§ TASK ITEM: Please return every line of the records below that holds the word "FlangeThickness".

------

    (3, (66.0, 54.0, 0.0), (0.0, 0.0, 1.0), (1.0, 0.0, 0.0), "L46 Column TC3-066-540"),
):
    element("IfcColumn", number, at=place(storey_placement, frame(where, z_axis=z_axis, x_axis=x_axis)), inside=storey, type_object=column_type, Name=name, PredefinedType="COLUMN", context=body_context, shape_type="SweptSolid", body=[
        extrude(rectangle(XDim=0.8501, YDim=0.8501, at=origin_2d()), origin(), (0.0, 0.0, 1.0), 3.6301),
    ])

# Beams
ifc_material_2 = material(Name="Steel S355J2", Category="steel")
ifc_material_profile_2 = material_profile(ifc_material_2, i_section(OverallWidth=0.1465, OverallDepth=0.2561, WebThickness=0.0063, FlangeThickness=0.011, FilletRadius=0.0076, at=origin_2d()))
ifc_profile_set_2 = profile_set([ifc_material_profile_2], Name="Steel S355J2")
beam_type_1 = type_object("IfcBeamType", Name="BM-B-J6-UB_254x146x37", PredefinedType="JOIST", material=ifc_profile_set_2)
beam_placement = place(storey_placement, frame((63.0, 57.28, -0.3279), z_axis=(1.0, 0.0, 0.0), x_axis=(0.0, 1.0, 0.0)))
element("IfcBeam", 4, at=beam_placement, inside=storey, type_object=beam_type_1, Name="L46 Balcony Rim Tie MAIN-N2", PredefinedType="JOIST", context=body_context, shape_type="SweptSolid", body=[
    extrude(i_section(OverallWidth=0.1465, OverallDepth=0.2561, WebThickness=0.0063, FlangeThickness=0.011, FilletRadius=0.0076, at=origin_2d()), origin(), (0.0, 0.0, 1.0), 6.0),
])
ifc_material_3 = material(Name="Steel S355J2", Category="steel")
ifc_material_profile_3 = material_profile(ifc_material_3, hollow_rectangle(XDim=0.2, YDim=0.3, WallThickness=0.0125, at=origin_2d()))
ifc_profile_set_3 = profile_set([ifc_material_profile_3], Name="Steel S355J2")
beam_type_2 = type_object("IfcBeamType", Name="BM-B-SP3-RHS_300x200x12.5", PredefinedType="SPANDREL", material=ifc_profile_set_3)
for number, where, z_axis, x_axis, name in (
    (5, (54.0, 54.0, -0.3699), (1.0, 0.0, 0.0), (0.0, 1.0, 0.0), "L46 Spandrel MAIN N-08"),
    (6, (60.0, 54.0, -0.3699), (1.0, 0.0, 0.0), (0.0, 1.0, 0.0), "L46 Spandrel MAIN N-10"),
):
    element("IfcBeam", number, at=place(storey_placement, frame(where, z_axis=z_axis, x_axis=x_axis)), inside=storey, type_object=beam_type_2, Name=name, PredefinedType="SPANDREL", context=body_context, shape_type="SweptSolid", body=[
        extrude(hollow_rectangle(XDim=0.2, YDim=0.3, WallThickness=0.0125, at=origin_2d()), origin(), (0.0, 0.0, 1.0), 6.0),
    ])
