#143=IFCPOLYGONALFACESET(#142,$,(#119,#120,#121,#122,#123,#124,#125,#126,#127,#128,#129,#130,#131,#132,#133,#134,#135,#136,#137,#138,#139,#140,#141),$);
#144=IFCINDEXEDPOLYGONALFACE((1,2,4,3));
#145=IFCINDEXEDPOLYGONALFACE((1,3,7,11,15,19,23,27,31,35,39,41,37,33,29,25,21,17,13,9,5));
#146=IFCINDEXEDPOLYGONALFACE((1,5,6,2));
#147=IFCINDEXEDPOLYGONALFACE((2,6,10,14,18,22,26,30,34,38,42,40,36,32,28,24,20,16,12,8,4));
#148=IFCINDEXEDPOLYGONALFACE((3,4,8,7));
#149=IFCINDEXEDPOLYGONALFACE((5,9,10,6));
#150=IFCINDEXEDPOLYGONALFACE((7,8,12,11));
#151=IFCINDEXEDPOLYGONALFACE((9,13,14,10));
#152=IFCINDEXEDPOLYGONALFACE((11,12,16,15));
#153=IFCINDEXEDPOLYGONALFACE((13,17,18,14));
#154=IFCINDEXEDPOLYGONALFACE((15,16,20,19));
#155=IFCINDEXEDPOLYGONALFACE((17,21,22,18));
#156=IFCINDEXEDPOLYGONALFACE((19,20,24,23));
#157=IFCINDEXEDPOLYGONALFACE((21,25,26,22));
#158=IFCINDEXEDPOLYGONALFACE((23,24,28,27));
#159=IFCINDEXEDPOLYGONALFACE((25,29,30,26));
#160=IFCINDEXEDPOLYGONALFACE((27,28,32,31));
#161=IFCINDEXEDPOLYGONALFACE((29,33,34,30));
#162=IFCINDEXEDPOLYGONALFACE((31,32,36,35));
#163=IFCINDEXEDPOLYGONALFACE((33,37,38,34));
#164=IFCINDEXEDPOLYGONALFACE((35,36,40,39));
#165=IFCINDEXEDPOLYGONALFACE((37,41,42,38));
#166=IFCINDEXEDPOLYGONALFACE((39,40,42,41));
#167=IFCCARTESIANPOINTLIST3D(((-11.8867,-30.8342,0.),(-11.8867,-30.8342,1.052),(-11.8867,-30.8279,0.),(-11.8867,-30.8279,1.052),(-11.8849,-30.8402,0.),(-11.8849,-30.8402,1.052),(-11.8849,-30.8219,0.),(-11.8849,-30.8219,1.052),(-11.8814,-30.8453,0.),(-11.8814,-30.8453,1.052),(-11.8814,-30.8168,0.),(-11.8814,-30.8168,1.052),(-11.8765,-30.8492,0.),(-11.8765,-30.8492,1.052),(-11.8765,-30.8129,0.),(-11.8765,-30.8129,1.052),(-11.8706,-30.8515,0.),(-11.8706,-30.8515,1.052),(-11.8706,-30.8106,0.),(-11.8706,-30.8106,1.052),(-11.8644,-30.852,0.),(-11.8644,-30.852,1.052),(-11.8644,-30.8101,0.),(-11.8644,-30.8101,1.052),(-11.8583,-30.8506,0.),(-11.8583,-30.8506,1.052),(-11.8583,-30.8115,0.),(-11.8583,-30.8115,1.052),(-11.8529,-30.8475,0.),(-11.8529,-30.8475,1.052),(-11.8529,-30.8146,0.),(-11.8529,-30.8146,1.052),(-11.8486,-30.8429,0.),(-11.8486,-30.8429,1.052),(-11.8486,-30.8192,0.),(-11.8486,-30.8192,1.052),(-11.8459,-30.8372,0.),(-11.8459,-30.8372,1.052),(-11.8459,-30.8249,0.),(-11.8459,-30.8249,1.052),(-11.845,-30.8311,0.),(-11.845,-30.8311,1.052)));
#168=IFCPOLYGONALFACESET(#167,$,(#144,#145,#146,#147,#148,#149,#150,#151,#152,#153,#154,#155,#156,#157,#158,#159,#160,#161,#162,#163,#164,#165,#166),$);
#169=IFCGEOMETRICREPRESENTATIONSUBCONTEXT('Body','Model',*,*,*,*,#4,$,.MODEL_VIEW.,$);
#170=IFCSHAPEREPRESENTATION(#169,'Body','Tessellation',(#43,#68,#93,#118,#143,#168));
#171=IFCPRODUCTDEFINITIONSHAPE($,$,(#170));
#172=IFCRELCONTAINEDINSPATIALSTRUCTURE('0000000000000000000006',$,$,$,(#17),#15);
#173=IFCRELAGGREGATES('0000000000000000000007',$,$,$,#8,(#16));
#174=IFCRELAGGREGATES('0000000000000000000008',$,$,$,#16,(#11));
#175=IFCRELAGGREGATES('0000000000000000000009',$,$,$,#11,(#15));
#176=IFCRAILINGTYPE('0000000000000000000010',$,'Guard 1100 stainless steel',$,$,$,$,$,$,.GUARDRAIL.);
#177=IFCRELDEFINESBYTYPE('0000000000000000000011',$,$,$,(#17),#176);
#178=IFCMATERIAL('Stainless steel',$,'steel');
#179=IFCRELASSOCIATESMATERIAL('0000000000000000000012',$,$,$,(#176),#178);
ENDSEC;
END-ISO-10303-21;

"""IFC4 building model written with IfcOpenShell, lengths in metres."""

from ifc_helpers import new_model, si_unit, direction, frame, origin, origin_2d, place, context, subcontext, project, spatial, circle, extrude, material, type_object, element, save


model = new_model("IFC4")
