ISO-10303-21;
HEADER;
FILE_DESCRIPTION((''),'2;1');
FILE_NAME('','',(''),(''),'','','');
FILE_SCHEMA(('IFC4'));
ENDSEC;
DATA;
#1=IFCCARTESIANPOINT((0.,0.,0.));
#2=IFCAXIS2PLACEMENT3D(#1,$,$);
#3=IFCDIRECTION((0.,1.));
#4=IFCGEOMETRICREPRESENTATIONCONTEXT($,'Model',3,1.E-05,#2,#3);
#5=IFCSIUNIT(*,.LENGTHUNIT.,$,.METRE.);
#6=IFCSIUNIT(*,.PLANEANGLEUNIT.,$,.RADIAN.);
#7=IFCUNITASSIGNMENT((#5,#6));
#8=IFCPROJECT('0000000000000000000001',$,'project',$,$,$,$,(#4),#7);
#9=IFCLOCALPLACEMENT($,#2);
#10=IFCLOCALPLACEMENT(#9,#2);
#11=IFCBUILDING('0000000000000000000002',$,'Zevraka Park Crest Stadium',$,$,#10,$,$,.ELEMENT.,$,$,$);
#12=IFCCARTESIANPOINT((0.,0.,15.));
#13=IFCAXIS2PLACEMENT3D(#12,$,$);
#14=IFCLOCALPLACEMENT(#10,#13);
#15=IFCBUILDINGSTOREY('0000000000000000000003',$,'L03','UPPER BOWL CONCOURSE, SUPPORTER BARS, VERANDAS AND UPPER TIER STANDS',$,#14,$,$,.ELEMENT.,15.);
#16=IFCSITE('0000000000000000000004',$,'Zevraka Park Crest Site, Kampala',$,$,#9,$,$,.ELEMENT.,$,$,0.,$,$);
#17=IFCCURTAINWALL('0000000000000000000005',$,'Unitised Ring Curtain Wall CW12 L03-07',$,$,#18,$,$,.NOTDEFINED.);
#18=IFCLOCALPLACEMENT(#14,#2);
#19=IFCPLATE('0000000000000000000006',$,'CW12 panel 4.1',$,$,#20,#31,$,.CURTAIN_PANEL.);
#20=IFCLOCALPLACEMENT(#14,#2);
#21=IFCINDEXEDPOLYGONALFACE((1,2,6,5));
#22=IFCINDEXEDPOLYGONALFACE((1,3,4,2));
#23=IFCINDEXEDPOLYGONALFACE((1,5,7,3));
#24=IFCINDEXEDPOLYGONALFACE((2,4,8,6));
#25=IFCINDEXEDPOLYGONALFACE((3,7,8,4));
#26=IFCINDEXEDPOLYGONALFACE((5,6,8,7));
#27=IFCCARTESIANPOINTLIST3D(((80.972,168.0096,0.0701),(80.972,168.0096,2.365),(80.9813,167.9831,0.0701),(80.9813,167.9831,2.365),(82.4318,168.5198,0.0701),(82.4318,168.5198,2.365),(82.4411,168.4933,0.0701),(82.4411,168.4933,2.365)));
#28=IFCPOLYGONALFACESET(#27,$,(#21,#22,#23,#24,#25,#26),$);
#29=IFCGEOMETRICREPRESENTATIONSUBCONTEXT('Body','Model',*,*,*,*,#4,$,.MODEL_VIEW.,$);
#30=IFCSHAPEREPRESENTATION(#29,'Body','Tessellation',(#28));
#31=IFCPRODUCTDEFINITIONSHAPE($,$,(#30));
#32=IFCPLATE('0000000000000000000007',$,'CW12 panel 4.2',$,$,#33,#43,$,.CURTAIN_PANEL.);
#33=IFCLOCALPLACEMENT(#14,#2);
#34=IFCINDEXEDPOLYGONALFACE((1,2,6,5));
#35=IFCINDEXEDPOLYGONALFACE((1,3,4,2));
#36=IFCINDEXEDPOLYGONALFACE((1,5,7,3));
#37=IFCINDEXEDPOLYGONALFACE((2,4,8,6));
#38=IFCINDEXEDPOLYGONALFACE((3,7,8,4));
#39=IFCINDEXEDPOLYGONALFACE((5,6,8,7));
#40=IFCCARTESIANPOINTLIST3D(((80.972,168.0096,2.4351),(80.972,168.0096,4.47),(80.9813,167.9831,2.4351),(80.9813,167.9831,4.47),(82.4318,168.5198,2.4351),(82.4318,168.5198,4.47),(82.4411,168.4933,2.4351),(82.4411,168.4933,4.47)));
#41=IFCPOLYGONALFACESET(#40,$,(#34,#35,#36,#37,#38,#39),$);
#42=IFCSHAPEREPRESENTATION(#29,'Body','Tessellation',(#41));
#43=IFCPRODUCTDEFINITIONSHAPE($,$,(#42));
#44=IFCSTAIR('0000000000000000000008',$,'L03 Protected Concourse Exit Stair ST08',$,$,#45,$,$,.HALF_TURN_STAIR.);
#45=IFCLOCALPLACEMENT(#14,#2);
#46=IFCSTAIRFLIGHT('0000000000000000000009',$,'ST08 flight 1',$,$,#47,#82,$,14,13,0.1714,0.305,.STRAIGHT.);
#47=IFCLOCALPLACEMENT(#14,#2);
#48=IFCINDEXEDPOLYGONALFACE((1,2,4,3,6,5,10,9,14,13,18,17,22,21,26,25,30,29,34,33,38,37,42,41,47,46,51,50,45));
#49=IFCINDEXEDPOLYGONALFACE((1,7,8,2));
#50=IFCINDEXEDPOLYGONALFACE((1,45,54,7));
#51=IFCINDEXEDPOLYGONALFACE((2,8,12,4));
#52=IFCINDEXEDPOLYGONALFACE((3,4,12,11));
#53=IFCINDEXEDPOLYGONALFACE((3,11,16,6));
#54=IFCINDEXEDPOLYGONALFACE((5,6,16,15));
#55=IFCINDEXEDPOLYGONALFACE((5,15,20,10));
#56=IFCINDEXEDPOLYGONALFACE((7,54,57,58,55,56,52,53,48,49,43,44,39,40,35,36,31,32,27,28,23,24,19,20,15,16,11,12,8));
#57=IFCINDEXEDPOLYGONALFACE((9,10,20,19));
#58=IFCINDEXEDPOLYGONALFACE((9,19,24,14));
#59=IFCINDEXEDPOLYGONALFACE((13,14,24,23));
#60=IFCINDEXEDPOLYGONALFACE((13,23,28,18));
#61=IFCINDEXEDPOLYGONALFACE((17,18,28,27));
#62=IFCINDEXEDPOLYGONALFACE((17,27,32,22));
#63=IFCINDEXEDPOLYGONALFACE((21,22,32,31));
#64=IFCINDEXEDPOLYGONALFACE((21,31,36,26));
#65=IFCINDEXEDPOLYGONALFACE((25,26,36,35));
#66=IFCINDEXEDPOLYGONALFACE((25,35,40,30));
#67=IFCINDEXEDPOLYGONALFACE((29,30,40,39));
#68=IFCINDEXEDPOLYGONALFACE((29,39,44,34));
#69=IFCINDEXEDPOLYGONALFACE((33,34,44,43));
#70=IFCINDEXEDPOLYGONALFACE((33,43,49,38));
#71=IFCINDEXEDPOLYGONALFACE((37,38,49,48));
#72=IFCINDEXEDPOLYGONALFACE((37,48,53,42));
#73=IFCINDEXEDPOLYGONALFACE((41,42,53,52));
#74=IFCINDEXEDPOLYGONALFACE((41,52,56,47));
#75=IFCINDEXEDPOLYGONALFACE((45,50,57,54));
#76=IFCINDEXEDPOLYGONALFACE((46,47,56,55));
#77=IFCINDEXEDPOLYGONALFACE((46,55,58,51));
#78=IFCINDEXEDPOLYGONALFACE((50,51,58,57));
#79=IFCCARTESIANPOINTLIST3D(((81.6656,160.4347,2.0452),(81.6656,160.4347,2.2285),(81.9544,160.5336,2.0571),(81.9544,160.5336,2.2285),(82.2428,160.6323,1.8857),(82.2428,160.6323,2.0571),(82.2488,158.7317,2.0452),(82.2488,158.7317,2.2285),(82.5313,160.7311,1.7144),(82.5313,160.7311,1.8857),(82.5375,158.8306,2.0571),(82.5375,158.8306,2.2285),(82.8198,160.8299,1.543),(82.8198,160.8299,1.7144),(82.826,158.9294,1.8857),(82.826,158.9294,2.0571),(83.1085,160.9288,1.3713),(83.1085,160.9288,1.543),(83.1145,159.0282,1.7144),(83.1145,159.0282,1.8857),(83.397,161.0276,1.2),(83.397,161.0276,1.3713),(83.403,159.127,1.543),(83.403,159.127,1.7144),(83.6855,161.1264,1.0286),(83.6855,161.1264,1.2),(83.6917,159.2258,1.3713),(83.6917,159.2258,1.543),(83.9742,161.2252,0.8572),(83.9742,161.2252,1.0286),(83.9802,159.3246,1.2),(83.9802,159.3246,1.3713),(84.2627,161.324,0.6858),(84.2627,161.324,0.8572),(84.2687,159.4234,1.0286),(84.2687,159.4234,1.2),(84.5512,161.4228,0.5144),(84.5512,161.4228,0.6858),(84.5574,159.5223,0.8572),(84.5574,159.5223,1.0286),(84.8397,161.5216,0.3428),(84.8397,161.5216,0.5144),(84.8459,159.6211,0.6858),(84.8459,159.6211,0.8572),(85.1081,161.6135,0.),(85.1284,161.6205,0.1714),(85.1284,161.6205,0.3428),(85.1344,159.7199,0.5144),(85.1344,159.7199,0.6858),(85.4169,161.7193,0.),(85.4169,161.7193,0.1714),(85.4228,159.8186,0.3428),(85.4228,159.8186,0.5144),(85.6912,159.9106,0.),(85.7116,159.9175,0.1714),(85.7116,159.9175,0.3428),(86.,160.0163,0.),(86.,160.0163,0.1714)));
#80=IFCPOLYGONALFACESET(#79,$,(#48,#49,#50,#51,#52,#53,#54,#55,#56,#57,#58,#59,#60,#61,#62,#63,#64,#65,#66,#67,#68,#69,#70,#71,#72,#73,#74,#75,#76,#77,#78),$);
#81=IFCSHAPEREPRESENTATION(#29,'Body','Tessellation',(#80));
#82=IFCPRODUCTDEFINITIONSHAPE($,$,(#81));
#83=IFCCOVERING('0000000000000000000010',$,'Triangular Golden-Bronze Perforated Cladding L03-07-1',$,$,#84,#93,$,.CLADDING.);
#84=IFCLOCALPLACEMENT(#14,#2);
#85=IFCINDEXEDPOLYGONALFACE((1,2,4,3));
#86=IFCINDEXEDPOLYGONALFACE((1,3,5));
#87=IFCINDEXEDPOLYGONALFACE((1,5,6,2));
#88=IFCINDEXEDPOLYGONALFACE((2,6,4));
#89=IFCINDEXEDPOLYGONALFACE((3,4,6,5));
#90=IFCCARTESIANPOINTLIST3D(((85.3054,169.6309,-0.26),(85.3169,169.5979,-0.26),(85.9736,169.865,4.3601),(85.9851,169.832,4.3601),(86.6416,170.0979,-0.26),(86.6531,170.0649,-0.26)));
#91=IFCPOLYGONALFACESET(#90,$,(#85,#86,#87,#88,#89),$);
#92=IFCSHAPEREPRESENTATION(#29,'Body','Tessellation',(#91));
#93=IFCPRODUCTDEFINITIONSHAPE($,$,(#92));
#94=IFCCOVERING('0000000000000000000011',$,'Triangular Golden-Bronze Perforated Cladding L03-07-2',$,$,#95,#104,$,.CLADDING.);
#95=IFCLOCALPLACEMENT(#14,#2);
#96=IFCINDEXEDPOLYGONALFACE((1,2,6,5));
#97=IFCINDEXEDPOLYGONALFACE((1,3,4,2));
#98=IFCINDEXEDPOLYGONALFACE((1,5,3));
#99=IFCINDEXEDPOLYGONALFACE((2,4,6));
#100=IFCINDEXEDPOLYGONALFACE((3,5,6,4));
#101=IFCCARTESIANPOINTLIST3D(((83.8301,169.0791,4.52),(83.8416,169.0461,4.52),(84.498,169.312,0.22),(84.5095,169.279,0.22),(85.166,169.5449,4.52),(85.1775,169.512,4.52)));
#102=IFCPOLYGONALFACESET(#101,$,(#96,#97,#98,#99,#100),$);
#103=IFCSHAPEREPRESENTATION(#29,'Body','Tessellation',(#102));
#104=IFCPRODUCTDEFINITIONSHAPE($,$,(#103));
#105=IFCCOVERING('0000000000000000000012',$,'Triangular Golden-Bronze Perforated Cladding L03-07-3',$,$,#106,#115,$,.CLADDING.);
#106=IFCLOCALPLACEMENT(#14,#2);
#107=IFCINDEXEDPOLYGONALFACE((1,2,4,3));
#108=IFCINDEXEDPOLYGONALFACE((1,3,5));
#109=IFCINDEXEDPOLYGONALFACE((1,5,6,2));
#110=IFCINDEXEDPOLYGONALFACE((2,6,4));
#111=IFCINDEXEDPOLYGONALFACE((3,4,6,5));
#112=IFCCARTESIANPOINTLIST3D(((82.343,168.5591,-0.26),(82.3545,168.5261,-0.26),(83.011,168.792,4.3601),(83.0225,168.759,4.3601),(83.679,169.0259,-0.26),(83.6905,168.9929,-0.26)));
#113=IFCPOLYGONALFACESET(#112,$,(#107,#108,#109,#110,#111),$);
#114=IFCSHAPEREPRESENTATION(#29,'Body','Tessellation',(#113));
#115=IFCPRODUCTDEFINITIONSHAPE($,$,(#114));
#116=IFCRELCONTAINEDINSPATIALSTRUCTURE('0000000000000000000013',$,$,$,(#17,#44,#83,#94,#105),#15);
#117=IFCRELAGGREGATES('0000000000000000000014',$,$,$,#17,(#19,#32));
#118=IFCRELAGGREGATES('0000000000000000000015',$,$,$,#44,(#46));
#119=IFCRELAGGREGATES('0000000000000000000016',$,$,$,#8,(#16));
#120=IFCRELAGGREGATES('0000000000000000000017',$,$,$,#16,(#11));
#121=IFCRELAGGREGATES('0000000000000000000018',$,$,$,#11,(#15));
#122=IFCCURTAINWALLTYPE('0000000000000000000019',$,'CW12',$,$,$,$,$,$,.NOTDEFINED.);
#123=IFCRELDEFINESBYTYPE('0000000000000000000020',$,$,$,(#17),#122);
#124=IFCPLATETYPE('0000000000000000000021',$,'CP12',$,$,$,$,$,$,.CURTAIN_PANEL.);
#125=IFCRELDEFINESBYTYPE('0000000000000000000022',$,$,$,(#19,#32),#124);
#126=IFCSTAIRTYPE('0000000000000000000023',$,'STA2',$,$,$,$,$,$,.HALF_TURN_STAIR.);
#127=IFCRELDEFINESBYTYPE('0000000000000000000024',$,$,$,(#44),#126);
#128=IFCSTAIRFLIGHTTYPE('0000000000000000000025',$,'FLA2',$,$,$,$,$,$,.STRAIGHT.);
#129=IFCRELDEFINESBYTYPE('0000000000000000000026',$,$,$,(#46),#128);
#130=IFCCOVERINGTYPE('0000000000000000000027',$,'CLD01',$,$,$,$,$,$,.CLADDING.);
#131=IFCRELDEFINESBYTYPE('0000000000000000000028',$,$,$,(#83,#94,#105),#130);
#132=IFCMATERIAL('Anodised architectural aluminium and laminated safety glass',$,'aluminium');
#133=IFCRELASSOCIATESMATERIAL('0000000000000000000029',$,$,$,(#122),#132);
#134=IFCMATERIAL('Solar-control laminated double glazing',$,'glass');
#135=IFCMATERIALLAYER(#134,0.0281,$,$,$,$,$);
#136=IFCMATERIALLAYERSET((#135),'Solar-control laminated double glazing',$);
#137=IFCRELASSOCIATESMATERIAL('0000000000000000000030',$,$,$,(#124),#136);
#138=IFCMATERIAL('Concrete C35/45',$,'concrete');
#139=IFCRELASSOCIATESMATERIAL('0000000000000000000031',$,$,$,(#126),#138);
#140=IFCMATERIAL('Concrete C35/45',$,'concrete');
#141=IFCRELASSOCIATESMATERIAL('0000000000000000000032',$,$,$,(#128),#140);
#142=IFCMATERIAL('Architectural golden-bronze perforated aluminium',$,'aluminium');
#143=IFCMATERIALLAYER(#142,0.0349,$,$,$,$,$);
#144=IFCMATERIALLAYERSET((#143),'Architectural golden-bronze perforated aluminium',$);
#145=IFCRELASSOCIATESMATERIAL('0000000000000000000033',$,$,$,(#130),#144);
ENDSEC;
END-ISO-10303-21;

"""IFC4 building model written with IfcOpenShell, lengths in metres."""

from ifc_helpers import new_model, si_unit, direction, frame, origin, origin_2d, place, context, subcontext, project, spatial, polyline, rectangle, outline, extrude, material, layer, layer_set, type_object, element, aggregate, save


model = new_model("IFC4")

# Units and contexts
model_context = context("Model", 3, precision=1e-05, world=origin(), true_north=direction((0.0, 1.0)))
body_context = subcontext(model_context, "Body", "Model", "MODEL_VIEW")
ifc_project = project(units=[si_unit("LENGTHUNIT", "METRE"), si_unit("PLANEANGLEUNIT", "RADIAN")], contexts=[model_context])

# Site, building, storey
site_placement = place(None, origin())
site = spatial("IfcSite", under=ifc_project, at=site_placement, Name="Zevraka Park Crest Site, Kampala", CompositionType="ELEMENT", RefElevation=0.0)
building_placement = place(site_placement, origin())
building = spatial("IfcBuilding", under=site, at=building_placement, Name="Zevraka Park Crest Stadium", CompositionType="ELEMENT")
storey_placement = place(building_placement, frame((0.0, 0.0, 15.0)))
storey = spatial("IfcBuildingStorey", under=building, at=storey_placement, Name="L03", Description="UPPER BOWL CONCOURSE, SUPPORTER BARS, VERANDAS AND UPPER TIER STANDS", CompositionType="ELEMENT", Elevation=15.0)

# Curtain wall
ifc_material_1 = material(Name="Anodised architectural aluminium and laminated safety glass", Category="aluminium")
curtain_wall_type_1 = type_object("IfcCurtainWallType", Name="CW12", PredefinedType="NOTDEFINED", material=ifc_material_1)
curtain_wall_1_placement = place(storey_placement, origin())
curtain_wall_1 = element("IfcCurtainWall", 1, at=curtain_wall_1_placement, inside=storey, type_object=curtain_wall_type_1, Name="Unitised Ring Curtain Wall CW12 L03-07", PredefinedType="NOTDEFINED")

------

§ SOLUTION TO THE PROBLEM:
ifc_material_profile_2 = material_profile(ifc_material_2, i_section(OverallWidth=0.1465, OverallDepth=0.2561, WebThickness=0.0063, FlangeThickness=0.011, FilletRadius=0.0076, at=origin_2d()))
    extrude(i_section(OverallWidth=0.1465, OverallDepth=0.2561, WebThickness=0.0063, FlangeThickness=0.011, FilletRadius=0.0076, at=origin_2d()), origin(), (0.0, 0.0, 1.0), 6.0),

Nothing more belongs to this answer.